======== SUPPLIED MATERIAL ========

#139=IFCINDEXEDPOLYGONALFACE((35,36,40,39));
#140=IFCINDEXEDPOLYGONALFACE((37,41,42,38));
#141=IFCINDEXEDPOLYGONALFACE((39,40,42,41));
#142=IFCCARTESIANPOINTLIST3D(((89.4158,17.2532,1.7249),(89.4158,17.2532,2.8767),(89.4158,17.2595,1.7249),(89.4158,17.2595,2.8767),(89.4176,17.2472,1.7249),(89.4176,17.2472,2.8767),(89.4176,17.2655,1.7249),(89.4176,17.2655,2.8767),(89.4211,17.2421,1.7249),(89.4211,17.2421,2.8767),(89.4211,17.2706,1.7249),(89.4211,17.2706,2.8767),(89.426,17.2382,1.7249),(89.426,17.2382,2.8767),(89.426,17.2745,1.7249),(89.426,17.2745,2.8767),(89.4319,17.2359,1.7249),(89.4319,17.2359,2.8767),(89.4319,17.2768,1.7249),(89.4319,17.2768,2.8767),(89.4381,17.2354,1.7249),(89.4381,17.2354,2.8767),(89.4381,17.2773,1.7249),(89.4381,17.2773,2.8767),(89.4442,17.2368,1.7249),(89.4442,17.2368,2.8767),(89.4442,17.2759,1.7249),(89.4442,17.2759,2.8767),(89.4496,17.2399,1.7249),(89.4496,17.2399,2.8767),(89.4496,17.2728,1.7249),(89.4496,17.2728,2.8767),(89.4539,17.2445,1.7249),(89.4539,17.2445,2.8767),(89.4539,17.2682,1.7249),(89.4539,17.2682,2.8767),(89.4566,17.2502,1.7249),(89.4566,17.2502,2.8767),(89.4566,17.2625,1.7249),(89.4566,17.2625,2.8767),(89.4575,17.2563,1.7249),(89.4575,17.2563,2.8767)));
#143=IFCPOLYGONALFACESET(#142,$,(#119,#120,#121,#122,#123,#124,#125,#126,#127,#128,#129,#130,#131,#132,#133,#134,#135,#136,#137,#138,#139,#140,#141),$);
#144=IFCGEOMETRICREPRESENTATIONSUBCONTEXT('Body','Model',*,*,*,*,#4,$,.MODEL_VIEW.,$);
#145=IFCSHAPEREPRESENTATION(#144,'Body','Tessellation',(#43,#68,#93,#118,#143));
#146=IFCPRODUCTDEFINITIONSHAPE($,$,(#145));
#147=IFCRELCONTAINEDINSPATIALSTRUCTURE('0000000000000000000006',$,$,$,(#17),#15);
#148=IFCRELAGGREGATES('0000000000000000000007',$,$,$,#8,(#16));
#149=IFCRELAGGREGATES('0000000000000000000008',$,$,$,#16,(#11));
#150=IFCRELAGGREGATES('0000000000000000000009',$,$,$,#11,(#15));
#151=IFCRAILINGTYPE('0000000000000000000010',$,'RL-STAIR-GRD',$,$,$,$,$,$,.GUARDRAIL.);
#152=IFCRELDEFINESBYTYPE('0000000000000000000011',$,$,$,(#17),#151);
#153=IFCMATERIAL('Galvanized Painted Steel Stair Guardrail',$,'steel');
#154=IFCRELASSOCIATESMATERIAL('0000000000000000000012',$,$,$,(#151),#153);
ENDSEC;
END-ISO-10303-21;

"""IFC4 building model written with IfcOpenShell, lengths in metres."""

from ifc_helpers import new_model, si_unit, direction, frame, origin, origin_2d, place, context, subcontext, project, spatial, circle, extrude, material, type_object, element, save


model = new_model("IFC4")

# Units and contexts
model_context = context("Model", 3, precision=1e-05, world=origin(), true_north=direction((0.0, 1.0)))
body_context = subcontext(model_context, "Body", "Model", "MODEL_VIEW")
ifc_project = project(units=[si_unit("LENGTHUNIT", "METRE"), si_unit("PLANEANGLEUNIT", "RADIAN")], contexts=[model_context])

========

- [REQUIREMENT]: On how many lines above does the word "project" appear? Answer with that figure only.

- [WRITTEN ANSWER]: 2